++++ Exercise material

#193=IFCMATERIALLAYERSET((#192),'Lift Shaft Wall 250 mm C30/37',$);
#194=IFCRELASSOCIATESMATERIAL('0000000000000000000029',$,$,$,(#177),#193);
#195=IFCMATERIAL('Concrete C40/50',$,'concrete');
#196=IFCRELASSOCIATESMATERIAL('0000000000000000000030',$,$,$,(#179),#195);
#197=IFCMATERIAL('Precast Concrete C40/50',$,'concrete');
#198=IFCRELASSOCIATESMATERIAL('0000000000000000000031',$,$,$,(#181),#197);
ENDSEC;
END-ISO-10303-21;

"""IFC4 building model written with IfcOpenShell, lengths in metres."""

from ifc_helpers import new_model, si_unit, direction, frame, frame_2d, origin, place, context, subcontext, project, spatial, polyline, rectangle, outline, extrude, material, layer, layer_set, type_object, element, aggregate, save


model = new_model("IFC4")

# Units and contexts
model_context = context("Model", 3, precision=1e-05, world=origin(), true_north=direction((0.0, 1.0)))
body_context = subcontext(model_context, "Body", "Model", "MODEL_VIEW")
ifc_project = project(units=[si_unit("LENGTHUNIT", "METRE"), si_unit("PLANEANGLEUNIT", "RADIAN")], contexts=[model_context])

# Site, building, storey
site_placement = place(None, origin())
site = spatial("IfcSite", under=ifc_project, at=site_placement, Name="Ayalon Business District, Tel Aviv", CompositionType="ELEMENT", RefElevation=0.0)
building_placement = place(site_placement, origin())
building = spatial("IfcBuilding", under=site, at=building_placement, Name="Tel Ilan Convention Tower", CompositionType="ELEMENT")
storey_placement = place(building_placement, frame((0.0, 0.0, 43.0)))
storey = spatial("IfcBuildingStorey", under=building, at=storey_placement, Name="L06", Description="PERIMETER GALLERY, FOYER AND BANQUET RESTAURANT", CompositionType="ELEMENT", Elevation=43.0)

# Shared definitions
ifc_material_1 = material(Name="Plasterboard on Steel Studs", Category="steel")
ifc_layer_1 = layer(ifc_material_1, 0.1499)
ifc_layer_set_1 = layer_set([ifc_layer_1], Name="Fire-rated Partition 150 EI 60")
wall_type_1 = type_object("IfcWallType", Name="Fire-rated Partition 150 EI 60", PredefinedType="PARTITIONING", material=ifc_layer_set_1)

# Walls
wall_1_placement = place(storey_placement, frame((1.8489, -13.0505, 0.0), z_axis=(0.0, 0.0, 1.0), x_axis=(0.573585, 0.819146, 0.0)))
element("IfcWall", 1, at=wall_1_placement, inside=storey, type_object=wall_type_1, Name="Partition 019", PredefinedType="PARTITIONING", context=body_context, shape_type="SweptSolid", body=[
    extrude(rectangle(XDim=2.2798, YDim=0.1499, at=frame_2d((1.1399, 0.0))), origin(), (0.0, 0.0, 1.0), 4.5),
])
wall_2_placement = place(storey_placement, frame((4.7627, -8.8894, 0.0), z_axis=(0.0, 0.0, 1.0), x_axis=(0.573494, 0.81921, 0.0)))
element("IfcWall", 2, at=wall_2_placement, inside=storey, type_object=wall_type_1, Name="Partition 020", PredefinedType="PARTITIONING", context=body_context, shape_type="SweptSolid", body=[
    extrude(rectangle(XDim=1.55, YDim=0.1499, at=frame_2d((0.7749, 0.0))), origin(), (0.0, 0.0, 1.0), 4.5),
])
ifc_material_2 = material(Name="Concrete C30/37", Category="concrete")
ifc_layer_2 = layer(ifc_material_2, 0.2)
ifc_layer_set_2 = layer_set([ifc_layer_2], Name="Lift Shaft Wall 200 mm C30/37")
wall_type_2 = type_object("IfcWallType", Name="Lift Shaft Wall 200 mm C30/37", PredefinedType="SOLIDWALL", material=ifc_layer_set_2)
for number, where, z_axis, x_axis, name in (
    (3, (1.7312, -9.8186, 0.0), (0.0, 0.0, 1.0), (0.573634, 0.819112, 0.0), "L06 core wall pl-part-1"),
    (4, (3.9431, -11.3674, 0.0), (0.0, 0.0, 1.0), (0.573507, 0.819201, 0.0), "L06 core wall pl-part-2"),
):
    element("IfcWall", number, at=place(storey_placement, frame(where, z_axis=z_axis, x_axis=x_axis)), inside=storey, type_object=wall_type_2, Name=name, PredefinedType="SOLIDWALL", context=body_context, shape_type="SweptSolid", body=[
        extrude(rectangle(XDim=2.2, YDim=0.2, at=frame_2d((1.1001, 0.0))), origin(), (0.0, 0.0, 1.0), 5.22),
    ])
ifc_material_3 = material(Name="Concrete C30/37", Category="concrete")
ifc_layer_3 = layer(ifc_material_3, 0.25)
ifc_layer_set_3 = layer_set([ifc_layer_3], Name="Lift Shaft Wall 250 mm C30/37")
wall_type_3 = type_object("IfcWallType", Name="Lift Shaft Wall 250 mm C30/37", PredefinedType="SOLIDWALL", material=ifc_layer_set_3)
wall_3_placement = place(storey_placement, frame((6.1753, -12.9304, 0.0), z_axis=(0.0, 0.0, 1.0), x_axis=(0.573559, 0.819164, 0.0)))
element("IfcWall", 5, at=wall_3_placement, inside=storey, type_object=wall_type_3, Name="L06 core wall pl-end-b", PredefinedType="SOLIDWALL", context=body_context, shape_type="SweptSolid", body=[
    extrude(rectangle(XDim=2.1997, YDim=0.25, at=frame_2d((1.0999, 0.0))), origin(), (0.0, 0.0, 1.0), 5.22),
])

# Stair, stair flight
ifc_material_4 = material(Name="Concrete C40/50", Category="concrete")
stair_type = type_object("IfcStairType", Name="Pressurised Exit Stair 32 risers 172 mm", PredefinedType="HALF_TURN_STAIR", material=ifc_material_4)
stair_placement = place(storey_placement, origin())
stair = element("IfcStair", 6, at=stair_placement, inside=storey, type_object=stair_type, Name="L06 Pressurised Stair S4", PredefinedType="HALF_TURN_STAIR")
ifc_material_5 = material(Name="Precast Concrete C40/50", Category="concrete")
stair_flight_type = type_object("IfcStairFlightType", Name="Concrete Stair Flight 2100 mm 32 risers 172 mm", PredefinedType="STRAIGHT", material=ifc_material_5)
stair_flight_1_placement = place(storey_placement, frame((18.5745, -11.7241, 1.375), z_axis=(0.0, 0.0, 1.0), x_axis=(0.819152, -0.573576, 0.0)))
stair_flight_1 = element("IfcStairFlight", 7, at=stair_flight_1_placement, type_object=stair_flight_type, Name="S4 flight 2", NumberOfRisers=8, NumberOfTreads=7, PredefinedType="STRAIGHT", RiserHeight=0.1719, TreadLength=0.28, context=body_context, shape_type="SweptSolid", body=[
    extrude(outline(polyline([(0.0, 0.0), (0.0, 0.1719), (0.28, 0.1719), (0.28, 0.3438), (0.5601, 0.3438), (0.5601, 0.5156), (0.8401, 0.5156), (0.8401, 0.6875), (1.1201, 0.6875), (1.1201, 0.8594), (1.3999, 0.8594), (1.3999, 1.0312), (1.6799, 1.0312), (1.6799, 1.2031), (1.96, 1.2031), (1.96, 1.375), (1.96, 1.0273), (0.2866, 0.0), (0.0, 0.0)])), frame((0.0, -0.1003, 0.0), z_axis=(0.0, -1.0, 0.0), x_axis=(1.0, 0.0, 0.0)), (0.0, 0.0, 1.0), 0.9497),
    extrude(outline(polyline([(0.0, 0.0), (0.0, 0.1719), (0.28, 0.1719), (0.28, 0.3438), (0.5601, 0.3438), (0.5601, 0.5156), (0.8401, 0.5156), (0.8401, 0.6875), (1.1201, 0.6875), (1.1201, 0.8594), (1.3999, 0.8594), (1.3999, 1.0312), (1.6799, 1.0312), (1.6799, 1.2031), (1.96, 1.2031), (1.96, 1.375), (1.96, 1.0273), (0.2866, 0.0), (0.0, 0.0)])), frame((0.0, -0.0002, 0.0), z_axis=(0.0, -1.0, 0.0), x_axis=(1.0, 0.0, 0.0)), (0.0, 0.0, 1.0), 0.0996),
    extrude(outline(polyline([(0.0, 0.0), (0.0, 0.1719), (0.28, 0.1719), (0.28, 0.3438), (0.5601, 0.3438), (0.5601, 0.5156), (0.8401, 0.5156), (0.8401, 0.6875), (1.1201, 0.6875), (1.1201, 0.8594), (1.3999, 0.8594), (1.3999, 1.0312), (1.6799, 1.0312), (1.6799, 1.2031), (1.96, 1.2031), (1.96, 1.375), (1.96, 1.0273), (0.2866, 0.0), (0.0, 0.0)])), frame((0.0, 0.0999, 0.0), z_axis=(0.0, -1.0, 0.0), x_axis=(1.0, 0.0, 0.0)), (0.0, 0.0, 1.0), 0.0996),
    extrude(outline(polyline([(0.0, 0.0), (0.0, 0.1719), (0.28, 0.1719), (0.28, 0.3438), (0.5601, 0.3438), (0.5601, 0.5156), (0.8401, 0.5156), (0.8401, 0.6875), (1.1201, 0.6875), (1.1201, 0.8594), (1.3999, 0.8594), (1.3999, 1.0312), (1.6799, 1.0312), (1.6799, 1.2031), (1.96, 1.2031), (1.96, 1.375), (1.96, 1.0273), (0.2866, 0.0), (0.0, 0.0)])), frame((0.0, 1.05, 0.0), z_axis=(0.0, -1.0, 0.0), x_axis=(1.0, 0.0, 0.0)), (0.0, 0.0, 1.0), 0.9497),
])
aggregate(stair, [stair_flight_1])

++++++++

▶ _Work task_: In the material above, find the line containing "building_placement = place(site_placement, origin())" and the line containing "frame((0.0, 0.0, 43.0)))", then write out exactly those two lines and every line between them, and nothing more.

▶ _Output of the exercise_:
building_placement = place(site_placement, origin())
building = spatial("IfcBuilding", under=site, at=building_placement, Name="Tel Ilan Convention Tower", CompositionType="ELEMENT")
storey_placement = place(building_placement, frame((0.0, 0.0, 43.0)))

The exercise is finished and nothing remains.